§ What is being asked:
How many lines in the data below contain the string "IFCLOCALPLACEMENT"? Answer with the number only.

§ Source material:
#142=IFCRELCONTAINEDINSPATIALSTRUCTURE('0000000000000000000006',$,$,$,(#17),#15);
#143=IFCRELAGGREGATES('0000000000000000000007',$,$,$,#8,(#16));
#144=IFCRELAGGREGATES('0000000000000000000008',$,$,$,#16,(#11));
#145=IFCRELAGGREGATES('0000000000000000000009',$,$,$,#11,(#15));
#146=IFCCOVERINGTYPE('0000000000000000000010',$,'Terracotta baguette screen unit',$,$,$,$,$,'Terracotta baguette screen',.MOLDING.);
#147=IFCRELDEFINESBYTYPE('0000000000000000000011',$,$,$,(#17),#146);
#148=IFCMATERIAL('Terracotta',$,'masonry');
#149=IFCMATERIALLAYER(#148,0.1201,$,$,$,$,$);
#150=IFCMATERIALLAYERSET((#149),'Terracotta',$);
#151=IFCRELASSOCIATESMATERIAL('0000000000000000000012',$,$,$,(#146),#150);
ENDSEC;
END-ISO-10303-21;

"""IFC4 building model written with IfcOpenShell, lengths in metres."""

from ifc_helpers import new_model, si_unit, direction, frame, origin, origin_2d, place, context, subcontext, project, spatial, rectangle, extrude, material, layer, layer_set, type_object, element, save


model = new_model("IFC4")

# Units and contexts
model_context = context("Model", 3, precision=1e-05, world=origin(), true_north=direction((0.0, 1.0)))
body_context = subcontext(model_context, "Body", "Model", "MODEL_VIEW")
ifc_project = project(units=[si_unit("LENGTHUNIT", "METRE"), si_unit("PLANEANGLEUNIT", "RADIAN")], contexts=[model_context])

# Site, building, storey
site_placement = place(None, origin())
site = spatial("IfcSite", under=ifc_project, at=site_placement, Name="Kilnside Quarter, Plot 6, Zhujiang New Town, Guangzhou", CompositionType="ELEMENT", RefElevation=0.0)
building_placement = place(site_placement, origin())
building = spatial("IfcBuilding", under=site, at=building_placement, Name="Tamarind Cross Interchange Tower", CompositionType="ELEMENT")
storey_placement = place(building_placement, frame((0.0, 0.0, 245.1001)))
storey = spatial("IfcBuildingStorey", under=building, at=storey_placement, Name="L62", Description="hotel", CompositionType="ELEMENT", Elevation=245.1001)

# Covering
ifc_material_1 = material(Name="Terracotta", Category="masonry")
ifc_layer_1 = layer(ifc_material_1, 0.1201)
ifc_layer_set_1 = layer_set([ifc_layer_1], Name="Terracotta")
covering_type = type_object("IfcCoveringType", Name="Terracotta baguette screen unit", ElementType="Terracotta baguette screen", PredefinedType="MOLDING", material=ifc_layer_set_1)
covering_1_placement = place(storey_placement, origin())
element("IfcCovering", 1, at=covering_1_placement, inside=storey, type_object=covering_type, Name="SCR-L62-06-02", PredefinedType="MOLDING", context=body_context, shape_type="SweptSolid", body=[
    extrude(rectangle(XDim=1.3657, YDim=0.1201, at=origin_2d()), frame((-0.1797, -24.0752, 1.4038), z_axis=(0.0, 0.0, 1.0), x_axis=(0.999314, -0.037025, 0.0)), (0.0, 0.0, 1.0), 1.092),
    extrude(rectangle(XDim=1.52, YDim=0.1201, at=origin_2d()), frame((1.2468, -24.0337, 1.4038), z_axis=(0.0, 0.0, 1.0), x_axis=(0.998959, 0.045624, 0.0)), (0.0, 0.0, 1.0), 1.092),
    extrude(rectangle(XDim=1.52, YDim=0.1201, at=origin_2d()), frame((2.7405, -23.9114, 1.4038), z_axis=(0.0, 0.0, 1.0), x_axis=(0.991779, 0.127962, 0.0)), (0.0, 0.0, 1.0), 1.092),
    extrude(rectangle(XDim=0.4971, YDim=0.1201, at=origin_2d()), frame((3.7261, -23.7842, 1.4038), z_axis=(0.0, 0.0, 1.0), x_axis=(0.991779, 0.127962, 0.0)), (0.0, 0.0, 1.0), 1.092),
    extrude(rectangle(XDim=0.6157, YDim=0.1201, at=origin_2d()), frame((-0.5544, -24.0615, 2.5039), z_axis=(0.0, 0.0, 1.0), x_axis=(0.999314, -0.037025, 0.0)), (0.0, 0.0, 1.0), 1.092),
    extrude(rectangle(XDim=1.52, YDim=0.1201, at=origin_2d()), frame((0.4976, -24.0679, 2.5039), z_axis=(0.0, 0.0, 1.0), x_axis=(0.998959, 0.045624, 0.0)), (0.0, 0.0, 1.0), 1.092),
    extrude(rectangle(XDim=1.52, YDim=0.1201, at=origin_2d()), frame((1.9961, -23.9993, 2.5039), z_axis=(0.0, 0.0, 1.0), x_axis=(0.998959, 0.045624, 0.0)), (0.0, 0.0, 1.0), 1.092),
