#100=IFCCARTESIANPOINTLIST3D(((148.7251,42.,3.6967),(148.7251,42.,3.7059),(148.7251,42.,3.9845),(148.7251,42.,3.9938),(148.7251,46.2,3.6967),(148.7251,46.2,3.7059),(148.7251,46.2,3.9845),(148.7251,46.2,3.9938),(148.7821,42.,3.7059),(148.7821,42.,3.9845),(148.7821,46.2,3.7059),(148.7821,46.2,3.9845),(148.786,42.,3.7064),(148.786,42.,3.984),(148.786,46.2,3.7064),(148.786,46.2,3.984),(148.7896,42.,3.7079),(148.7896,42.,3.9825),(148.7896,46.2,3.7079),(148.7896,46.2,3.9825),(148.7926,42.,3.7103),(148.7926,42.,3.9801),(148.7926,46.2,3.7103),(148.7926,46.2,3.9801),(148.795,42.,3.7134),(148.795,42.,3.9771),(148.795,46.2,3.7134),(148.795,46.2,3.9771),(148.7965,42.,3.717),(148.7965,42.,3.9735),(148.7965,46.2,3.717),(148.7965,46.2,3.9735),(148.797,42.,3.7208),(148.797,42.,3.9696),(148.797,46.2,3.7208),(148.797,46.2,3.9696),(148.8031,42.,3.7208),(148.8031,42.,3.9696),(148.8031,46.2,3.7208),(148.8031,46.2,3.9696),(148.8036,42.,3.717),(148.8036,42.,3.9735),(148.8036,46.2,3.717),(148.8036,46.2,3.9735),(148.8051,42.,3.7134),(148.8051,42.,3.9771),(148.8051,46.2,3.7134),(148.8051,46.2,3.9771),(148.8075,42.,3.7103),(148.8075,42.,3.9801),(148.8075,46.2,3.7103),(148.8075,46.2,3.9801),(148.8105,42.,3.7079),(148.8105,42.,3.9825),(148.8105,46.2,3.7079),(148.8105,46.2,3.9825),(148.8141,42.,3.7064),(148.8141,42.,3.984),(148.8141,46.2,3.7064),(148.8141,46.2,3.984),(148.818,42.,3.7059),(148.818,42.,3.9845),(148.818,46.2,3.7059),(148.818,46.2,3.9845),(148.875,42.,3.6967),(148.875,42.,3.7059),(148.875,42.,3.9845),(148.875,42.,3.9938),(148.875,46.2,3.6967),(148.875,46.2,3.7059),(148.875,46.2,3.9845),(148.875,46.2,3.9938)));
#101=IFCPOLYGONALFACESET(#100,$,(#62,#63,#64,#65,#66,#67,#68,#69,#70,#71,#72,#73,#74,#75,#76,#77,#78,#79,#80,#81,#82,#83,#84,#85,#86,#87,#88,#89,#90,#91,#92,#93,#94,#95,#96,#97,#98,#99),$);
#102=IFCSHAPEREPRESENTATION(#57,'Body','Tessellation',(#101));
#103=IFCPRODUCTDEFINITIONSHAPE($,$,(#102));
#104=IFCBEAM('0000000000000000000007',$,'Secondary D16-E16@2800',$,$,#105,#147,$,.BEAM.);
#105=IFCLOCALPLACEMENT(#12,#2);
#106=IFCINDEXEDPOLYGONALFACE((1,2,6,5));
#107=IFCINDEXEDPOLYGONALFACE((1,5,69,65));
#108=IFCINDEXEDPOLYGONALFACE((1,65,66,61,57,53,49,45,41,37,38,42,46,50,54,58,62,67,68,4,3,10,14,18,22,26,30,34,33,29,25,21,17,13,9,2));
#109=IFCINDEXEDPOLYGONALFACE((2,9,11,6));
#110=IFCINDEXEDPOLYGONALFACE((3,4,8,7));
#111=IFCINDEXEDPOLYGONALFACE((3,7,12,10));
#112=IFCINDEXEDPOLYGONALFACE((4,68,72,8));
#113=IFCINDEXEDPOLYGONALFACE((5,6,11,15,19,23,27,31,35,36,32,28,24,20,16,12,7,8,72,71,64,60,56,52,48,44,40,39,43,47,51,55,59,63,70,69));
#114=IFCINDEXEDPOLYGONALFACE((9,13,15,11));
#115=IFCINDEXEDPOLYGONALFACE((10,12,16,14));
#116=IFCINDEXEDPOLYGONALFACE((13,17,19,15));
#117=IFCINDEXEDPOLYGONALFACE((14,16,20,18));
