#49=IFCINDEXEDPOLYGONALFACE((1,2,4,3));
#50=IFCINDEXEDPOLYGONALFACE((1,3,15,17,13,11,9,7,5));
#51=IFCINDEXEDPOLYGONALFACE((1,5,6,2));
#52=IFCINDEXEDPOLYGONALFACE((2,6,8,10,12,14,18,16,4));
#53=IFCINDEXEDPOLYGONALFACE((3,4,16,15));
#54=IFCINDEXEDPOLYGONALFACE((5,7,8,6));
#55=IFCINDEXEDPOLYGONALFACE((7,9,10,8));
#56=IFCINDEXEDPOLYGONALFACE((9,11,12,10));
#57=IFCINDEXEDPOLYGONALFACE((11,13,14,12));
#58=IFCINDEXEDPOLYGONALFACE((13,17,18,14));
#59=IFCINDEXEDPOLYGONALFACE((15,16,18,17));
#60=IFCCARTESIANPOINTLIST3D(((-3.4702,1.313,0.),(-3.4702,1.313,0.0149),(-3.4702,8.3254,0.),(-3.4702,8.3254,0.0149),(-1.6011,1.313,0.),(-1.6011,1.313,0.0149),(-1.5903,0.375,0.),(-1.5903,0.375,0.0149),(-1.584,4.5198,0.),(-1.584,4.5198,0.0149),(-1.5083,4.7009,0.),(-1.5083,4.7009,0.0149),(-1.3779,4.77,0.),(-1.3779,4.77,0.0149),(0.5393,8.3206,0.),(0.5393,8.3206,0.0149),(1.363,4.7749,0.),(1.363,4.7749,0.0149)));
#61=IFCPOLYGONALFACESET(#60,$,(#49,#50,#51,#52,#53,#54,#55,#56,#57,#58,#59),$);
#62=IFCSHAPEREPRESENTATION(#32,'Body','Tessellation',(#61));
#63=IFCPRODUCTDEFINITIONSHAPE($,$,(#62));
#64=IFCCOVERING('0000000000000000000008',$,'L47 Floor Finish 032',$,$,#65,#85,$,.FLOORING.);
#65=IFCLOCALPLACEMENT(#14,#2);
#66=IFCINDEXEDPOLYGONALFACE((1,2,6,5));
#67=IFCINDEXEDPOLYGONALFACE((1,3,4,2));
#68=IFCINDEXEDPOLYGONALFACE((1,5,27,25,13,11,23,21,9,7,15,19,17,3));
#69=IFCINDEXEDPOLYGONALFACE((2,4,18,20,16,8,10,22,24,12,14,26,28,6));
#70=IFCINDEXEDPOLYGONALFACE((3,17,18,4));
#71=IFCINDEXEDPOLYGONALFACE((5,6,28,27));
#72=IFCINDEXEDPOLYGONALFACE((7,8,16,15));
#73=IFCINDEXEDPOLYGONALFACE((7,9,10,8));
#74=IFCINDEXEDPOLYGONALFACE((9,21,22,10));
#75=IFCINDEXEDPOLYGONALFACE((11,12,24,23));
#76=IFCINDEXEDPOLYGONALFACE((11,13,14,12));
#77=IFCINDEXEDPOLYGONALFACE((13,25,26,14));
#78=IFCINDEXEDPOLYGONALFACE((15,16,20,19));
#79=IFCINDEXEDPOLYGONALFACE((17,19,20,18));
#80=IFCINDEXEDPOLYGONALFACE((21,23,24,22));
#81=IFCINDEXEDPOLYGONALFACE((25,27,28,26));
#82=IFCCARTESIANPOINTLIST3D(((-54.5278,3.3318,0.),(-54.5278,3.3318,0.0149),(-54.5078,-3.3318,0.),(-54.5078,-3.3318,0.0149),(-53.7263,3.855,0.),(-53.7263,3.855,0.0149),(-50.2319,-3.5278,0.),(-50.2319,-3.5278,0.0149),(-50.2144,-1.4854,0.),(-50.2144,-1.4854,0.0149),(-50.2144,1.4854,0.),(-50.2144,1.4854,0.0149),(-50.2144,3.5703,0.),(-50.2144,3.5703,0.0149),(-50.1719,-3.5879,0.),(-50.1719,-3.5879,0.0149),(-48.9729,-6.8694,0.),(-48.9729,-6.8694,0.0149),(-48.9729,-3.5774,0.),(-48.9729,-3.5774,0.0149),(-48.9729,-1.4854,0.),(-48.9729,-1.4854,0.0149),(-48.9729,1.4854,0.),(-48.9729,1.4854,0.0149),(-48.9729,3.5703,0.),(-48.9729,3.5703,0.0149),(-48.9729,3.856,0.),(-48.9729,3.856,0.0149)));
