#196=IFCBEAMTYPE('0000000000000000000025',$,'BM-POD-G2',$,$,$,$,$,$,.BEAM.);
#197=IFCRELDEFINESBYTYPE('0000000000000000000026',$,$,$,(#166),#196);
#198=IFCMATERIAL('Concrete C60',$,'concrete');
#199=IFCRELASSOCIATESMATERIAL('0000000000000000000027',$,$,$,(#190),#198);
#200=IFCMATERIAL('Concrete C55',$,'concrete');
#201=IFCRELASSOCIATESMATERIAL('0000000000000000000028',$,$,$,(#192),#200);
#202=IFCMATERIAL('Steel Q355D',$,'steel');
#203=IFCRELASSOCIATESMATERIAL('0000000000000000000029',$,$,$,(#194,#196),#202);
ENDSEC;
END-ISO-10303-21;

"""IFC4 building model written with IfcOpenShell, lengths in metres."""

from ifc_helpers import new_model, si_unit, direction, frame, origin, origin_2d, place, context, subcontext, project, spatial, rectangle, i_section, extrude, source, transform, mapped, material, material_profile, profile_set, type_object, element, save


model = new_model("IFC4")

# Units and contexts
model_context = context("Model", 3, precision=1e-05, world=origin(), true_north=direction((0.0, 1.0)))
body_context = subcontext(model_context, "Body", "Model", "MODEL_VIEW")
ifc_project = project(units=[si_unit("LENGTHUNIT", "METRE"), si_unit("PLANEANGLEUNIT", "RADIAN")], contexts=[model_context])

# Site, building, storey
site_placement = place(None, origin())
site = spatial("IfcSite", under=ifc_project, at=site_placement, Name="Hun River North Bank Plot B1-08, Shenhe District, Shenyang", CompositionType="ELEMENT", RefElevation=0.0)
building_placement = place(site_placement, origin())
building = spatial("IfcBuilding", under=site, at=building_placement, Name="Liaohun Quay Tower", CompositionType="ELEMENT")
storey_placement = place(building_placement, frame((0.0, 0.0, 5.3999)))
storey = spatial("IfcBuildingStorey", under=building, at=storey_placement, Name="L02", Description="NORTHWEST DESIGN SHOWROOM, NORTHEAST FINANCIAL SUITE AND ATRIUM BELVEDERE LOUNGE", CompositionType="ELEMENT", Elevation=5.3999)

§ Answer for the task:
2